* PROBLEM: In the entries below, find the line with "#200=IFCMATERIAL('Steel grade 300',$,'steel');" and the line with "END-ISO-10303-21;". Return those two lines and all lines between them, exactly.

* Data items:
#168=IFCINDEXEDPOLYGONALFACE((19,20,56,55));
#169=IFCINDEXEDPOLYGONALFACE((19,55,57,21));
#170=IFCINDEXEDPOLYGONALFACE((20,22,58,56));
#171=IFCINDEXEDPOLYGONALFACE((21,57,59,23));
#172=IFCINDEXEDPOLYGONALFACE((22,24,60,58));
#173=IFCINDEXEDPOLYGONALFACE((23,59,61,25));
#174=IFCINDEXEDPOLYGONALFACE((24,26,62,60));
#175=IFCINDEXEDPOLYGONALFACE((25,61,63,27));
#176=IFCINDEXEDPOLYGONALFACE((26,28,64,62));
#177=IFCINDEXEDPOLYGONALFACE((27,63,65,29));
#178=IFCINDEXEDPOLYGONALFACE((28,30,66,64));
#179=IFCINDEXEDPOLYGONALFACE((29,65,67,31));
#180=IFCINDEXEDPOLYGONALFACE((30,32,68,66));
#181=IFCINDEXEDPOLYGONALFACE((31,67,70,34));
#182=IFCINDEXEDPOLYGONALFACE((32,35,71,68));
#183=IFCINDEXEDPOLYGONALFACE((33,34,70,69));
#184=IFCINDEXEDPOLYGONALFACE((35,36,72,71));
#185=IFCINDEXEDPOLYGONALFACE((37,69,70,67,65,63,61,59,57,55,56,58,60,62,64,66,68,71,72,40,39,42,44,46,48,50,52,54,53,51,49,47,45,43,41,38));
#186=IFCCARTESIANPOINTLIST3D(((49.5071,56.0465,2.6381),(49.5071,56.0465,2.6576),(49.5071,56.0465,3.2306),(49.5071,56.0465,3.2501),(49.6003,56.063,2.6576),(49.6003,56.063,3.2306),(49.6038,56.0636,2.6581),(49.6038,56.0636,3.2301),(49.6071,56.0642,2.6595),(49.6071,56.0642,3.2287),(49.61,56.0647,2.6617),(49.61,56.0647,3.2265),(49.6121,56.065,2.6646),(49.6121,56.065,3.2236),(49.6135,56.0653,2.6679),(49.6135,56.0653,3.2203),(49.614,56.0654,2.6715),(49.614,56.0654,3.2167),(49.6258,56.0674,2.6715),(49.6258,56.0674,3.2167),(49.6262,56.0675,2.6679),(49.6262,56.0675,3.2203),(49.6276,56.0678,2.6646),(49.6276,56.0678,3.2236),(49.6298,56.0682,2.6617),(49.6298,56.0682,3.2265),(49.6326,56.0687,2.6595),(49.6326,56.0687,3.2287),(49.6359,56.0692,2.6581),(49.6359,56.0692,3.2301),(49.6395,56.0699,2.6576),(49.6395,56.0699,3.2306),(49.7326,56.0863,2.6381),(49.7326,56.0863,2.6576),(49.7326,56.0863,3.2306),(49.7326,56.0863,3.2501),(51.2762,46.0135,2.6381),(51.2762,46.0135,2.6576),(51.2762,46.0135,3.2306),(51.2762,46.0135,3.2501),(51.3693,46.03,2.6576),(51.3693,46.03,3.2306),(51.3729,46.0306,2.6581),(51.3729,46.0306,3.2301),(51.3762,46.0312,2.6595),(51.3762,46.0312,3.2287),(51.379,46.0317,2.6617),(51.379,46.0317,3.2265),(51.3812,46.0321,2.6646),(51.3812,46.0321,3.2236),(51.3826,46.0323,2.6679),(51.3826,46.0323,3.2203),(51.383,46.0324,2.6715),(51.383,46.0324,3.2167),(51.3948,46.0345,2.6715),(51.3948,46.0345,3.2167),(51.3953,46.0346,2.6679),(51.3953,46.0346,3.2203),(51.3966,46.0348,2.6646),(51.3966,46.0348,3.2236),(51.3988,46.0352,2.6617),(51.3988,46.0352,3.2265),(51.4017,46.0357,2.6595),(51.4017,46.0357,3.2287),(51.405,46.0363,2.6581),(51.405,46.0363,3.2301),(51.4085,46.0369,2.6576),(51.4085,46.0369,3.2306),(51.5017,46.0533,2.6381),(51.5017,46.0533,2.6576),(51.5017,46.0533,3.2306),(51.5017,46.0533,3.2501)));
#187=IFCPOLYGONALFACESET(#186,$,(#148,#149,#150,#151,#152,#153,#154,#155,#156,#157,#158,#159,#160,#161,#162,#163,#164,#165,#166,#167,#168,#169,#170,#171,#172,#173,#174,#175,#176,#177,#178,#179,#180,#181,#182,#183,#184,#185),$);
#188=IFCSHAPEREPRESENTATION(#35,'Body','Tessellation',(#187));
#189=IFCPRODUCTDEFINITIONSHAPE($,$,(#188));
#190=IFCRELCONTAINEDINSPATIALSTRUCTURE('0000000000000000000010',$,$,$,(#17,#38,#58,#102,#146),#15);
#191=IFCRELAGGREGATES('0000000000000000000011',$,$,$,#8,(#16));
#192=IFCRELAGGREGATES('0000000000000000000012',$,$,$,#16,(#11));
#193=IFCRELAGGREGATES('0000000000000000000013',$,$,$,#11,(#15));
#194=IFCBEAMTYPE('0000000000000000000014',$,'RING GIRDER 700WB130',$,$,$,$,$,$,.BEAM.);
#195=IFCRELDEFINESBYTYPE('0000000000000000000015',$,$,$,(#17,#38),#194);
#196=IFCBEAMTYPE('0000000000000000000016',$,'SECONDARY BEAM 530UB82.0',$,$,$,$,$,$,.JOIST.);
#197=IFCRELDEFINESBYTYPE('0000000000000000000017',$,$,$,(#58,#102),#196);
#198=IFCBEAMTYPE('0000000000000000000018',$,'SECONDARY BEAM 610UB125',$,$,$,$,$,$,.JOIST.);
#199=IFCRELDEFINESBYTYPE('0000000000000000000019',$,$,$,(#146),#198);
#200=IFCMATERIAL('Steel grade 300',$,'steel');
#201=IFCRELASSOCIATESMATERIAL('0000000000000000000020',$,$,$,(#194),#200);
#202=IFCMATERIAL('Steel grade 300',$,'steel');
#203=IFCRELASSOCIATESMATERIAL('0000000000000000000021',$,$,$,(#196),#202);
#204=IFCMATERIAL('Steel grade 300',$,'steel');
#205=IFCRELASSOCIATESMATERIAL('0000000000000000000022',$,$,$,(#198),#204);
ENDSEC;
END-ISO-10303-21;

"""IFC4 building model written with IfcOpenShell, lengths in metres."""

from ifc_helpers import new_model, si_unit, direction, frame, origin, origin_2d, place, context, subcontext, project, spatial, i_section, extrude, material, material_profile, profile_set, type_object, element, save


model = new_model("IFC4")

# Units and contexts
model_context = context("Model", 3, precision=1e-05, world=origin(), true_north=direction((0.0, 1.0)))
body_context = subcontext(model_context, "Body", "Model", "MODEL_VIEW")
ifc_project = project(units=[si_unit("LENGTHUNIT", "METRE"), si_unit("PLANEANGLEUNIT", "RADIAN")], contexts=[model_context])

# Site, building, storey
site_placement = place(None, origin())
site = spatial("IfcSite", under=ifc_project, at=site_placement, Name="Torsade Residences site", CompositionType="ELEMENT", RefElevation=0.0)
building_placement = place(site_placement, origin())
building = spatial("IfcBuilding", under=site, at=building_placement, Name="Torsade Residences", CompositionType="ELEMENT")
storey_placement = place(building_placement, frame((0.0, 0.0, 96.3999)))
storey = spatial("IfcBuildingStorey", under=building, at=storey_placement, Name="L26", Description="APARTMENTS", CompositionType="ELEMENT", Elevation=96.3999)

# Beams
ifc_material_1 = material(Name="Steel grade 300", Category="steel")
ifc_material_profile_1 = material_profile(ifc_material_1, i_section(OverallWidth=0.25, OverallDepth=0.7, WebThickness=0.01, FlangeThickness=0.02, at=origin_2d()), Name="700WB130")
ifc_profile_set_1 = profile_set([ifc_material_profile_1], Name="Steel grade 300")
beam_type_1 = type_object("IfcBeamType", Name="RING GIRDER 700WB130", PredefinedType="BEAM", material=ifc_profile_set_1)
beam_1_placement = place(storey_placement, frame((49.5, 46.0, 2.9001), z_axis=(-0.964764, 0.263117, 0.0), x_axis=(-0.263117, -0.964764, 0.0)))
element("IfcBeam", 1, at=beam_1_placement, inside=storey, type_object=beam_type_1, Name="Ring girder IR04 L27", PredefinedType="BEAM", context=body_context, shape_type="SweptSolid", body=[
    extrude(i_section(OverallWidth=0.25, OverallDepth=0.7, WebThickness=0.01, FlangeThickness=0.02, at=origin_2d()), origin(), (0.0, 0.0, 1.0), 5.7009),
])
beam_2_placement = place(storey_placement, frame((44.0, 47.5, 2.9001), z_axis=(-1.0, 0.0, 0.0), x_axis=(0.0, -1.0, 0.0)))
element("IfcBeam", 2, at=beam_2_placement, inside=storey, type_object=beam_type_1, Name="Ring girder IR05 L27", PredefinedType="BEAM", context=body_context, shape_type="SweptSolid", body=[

* RESPONSE TO THE EXERCISE:
#200=IFCMATERIAL('Steel grade 300',$,'steel');
#201=IFCRELASSOCIATESMATERIAL('0000000000000000000020',$,$,$,(#194),#200);
#202=IFCMATERIAL('Steel grade 300',$,'steel');
#203=IFCRELASSOCIATESMATERIAL('0000000000000000000021',$,$,$,(#196),#202);
#204=IFCMATERIAL('Steel grade 300',$,'steel');
#205=IFCRELASSOCIATESMATERIAL('0000000000000000000022',$,$,$,(#198),#204);
ENDSEC;
END-ISO-10303-21;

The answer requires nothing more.